WORK INSTRUCTION
Show every line of the data that includes the word "unset".

++++ DATA

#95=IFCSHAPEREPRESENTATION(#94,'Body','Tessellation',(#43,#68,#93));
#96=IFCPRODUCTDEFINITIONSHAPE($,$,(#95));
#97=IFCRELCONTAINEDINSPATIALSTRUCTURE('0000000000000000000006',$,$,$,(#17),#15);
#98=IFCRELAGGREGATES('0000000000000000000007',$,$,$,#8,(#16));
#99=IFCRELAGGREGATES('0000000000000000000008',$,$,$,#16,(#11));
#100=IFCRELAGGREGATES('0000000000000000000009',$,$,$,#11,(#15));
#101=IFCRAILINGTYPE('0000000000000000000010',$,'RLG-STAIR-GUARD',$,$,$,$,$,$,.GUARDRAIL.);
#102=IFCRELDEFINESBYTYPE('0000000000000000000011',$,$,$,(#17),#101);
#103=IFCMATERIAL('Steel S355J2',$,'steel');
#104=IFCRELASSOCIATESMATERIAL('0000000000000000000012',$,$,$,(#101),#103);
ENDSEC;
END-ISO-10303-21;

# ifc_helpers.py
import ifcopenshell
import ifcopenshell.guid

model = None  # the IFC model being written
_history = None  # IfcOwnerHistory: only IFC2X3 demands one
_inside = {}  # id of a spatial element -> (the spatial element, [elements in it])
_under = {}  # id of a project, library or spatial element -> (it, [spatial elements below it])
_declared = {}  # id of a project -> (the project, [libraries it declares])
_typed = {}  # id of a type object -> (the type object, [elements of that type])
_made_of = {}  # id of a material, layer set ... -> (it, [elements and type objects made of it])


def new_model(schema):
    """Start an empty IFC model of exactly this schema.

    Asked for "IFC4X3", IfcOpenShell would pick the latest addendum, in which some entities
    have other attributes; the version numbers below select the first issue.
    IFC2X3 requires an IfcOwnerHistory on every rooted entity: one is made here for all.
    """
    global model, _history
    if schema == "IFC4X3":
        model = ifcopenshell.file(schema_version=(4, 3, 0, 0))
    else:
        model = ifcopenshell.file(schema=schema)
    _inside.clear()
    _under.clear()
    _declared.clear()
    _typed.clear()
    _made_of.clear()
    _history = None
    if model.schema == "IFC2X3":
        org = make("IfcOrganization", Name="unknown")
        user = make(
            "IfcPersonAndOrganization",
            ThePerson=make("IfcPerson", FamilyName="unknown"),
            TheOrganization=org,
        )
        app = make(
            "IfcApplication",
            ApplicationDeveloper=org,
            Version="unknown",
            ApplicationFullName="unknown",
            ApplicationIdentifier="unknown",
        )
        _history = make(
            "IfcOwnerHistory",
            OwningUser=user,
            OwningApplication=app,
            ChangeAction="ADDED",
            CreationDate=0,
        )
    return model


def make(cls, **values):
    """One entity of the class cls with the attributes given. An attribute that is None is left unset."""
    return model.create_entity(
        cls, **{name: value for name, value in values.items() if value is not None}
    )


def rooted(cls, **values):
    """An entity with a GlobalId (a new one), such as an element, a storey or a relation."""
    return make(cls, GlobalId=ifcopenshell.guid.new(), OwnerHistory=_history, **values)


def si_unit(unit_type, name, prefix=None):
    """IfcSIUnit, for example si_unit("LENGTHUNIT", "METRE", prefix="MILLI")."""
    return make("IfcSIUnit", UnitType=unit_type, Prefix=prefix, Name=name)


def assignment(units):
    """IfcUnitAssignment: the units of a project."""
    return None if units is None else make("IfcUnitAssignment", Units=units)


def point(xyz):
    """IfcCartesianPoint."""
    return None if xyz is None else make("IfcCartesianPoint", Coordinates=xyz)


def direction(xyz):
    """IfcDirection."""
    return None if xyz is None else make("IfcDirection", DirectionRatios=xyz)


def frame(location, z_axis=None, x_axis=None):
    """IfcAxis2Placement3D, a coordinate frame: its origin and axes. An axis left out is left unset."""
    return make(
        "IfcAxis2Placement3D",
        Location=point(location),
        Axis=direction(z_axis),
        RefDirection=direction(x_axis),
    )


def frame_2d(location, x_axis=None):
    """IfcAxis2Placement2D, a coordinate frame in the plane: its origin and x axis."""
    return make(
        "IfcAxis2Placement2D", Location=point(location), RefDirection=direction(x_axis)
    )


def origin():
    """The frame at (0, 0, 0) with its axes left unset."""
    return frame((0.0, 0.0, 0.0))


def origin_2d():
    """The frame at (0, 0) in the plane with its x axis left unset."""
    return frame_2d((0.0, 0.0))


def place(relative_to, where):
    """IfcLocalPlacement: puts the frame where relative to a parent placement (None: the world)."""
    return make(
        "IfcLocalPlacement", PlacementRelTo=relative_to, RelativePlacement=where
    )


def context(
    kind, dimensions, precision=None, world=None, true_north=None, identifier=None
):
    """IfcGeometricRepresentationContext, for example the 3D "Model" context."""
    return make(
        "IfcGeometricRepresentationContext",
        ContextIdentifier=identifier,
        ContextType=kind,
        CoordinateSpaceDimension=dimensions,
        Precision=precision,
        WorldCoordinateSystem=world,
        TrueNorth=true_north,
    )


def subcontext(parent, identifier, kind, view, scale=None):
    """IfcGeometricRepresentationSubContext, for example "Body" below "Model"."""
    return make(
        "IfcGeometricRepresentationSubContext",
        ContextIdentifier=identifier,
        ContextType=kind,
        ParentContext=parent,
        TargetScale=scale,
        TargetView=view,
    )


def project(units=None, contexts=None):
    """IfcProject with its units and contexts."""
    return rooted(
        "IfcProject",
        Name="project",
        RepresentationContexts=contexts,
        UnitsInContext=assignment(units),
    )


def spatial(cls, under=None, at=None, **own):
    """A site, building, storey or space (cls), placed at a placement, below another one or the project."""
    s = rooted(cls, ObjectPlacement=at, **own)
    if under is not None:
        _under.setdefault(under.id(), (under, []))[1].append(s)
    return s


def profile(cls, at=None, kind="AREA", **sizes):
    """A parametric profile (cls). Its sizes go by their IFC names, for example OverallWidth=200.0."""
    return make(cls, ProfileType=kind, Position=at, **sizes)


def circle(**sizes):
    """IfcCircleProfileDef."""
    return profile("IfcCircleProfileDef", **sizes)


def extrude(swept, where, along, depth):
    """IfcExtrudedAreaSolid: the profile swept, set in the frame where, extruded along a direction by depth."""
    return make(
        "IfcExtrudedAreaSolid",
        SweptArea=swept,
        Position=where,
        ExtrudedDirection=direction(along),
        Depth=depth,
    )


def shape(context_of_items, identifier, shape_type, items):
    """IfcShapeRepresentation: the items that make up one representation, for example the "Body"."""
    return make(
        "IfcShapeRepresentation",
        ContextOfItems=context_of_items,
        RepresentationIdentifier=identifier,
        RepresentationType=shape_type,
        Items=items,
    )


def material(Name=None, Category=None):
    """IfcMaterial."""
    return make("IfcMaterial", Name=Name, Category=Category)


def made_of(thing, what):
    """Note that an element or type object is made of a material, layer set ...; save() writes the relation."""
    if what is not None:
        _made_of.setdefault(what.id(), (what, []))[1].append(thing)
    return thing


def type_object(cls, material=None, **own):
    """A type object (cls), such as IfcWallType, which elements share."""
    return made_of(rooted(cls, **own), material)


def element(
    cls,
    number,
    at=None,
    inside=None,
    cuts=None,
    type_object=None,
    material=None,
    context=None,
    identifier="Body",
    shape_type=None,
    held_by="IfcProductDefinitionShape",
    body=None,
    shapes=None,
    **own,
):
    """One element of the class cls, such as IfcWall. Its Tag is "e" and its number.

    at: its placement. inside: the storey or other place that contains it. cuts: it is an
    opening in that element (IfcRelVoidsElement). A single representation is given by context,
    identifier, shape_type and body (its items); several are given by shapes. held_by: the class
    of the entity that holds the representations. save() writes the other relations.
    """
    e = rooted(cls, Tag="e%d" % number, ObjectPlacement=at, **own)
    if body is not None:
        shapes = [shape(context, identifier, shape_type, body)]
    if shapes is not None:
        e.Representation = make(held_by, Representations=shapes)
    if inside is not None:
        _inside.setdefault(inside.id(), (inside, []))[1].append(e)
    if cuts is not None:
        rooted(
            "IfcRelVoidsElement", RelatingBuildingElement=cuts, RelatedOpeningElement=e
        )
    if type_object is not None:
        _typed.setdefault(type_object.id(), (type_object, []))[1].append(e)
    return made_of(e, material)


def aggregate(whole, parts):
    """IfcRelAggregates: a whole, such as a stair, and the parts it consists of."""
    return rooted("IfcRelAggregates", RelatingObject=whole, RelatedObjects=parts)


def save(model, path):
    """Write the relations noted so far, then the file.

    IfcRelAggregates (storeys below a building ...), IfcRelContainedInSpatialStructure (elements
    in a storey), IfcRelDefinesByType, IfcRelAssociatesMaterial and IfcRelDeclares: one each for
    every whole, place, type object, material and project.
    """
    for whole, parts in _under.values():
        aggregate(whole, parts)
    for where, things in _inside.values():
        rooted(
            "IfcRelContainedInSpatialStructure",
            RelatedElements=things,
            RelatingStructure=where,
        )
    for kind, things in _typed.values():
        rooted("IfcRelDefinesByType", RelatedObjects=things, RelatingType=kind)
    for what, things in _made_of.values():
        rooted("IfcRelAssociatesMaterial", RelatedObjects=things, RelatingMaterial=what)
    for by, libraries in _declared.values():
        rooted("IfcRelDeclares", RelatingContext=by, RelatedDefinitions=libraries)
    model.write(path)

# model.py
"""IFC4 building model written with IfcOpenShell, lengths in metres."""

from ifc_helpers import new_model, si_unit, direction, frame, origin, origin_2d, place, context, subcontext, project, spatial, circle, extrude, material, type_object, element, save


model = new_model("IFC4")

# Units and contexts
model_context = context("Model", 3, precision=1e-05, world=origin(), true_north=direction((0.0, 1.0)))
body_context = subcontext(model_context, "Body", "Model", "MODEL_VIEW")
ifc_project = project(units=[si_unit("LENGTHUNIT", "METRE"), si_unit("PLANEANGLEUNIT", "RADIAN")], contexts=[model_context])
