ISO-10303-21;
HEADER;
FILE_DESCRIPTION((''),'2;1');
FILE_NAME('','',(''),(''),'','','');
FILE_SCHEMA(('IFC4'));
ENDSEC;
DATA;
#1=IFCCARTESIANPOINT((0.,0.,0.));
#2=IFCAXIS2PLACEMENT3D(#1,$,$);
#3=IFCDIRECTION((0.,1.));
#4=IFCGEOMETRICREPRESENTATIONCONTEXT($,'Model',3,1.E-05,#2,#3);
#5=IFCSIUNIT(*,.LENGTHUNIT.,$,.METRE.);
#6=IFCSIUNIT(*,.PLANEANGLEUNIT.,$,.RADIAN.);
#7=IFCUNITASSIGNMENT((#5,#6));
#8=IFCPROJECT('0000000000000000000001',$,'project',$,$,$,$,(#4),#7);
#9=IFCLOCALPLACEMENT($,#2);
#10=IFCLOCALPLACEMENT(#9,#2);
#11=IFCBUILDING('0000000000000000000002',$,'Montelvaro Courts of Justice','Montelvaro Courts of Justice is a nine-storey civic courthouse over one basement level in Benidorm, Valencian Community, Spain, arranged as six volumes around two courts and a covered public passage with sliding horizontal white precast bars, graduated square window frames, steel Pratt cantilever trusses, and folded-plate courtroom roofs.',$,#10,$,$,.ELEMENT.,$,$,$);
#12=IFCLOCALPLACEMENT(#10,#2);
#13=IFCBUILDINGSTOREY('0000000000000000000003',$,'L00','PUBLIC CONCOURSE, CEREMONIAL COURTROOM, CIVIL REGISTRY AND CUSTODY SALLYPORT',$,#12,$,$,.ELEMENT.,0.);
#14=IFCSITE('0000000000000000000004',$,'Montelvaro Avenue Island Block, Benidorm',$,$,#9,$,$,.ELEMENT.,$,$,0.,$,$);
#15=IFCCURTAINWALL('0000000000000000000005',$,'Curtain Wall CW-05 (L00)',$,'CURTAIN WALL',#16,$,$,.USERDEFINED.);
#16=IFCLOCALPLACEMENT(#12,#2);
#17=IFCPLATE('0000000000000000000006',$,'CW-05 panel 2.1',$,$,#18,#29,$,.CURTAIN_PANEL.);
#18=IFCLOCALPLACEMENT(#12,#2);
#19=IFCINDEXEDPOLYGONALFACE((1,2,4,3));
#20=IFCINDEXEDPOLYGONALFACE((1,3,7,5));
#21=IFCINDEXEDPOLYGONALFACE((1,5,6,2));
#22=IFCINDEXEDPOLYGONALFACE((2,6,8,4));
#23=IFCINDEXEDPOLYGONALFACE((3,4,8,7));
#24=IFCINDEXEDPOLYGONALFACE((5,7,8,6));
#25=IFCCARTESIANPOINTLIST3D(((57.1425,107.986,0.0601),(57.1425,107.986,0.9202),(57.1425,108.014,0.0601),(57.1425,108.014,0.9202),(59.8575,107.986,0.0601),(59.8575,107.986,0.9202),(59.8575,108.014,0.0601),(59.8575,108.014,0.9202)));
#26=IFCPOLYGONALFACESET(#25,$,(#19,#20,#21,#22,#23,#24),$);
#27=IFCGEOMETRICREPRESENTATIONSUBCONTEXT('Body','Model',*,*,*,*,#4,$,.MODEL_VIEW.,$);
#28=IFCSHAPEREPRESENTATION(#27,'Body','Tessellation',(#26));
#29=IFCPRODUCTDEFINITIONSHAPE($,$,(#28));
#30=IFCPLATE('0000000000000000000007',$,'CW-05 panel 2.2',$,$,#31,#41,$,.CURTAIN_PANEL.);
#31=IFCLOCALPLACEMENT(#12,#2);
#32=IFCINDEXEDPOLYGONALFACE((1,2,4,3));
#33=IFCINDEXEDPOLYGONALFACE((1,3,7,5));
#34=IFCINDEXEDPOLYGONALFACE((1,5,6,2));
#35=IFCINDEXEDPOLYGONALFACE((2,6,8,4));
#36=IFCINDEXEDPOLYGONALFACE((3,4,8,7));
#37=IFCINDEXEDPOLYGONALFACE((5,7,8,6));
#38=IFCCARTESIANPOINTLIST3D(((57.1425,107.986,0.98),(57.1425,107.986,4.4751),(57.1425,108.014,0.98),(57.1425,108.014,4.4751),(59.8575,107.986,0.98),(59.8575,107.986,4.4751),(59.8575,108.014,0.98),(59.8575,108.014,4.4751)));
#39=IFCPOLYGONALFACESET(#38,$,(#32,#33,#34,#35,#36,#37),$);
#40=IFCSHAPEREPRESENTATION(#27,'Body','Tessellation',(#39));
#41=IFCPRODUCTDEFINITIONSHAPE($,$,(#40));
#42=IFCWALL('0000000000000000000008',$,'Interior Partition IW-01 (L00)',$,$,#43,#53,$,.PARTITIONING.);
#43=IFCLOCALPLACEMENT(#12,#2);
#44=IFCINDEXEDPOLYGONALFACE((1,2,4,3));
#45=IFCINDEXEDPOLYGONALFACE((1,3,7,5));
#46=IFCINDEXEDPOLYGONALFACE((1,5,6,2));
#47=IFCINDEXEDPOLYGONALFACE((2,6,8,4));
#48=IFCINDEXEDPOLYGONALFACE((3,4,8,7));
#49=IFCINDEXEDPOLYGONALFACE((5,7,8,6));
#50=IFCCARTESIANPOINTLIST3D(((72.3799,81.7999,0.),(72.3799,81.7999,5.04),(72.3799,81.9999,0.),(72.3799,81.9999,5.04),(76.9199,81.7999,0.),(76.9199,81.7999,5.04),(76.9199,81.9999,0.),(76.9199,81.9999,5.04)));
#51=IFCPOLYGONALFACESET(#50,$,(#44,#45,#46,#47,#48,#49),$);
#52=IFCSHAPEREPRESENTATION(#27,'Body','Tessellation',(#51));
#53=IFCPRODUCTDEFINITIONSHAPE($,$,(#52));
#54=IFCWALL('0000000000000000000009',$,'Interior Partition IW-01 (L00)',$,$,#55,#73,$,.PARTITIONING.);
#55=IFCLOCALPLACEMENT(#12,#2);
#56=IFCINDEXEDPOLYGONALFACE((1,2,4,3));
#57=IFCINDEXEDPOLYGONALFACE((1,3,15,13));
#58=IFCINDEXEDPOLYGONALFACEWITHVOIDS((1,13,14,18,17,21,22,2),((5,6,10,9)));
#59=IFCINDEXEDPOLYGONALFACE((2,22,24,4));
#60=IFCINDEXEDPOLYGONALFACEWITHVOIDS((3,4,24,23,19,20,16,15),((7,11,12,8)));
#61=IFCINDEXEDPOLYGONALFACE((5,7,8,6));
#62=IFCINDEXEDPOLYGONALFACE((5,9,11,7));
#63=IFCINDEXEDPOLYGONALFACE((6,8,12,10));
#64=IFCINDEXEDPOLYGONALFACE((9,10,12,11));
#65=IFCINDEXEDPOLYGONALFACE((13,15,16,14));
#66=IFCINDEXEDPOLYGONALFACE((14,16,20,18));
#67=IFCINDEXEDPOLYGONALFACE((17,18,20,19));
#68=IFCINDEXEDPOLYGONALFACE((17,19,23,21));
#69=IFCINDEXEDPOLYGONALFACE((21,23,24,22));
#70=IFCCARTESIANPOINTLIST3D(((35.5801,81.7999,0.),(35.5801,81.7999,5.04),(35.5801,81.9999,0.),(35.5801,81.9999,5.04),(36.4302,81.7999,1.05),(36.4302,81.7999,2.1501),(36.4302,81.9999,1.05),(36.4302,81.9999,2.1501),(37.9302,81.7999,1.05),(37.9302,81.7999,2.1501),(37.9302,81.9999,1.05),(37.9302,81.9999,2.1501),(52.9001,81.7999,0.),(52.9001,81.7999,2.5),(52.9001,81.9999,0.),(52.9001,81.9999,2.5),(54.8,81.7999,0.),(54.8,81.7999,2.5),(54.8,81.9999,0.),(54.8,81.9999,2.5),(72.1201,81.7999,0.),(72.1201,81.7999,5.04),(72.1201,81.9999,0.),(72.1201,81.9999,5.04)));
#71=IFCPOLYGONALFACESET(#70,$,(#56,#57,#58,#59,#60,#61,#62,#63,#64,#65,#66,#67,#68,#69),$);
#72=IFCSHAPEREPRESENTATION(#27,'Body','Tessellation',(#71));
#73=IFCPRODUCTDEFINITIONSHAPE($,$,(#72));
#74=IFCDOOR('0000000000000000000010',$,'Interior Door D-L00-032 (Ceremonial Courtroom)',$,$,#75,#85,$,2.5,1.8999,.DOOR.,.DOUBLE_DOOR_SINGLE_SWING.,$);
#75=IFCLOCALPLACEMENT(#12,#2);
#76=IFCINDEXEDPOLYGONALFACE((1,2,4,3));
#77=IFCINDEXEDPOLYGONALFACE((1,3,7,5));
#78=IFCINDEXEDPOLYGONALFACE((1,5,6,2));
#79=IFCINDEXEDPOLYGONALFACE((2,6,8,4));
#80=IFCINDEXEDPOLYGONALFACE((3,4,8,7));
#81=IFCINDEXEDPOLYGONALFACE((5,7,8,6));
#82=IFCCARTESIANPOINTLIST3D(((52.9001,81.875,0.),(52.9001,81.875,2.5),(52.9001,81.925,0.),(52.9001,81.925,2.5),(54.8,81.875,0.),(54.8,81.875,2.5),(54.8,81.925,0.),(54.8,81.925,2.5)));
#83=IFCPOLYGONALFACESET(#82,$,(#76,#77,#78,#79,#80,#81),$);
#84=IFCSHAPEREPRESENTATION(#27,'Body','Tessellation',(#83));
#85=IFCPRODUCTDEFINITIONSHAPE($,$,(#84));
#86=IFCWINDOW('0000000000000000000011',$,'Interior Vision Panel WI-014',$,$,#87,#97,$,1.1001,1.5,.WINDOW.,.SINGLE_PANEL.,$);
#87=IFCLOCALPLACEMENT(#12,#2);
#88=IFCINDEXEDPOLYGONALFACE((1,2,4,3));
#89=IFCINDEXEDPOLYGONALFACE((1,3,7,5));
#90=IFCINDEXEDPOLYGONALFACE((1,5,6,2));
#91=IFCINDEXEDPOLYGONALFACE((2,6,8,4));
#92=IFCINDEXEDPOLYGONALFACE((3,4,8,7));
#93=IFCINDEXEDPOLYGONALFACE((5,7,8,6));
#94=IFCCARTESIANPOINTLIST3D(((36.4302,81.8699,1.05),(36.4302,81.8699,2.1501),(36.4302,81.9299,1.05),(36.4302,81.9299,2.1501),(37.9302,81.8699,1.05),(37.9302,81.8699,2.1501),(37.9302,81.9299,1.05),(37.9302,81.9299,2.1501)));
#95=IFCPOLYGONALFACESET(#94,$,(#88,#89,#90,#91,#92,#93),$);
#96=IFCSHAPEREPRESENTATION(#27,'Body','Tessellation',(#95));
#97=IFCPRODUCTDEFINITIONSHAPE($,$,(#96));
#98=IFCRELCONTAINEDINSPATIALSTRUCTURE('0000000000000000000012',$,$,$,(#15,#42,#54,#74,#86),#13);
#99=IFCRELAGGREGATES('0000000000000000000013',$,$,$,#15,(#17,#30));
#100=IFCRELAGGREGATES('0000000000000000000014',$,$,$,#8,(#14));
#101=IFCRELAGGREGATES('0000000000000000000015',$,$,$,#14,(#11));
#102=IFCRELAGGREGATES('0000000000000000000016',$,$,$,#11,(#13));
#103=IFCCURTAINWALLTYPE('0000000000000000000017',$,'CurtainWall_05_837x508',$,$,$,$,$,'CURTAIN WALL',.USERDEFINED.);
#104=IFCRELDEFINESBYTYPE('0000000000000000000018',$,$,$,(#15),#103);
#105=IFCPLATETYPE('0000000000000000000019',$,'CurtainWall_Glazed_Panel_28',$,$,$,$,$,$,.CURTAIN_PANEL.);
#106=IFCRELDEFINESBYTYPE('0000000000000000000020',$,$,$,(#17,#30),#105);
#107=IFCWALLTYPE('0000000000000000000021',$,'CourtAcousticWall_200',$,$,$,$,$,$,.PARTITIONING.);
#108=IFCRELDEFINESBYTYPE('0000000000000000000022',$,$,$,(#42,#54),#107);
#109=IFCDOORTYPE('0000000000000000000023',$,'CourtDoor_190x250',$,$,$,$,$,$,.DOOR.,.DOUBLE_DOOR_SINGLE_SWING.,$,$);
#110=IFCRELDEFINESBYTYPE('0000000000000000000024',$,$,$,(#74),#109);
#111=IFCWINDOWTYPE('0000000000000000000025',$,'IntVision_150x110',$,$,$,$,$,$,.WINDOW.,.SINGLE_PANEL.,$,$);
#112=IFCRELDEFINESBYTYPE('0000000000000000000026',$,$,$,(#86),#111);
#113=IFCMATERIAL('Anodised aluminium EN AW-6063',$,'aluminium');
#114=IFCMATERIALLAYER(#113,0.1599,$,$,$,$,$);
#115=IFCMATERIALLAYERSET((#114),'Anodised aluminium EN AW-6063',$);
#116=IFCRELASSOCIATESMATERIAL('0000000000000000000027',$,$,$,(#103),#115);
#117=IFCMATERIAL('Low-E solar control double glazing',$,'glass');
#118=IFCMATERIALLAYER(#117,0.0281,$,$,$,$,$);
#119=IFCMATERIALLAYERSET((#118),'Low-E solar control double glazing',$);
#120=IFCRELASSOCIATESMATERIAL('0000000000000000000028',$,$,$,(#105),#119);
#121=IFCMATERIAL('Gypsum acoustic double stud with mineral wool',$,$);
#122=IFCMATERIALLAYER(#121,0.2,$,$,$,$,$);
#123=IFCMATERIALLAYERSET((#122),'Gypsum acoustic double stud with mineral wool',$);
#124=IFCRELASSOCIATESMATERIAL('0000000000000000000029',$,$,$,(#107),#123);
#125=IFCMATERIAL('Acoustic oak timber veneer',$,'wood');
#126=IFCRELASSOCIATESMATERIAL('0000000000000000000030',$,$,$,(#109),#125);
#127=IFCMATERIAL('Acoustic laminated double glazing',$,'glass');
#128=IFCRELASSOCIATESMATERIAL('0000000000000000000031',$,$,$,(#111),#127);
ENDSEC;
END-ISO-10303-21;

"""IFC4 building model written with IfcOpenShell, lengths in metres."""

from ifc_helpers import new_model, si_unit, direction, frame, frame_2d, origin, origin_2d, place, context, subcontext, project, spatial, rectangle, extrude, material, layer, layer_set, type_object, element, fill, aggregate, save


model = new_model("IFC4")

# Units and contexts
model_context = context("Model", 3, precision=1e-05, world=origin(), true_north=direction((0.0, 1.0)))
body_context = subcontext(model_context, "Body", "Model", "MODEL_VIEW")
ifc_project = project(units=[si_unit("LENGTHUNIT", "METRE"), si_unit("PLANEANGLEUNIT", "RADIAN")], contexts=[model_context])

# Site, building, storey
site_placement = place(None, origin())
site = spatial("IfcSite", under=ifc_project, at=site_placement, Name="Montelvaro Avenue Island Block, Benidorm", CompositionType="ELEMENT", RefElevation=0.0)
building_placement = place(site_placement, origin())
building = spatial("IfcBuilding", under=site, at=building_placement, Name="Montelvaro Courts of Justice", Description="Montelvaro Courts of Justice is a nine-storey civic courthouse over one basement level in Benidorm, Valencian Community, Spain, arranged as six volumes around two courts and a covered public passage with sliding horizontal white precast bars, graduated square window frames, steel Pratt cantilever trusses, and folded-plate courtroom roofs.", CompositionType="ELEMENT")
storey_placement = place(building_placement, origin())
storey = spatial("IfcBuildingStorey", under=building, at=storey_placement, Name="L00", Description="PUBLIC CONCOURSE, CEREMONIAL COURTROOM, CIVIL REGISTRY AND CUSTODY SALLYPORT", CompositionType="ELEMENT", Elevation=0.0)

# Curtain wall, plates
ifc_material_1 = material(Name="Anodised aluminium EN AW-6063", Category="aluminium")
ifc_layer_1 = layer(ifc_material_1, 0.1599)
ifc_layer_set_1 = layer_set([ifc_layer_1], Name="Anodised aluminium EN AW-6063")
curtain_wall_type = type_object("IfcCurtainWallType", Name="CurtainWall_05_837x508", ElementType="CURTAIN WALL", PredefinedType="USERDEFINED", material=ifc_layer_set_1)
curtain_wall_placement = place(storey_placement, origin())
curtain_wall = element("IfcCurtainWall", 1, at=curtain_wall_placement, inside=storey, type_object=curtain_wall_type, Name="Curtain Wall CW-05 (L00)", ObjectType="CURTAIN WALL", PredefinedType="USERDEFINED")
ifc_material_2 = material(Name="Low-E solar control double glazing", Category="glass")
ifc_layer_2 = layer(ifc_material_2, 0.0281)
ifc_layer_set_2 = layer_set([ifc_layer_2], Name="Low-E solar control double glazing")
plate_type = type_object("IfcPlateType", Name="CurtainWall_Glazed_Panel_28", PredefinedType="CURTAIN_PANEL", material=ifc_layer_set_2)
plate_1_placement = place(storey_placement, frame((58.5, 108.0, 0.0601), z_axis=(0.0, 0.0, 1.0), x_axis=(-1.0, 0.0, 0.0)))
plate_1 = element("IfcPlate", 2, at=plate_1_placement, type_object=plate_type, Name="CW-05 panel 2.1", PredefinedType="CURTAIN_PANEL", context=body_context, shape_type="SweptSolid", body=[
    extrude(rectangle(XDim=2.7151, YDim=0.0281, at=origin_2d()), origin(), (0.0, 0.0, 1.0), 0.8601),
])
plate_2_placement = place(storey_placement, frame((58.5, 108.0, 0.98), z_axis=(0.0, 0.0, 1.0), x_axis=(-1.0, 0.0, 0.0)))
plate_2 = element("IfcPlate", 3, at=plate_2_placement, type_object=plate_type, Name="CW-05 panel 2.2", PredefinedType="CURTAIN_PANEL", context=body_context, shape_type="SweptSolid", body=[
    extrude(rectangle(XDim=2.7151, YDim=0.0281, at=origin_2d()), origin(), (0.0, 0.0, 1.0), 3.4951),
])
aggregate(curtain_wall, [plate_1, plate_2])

++++++++

RESULT OF THE EXERCISE
    """One entity of the class cls with the attributes given. An attribute that is None is left unset."""
    """IfcAxis2Placement3D, a coordinate frame: its origin and axes. An axis left out is left unset."""
    """The frame at (0, 0, 0) with its axes left unset."""
    """The frame at (0, 0) in the plane with its x axis left unset."""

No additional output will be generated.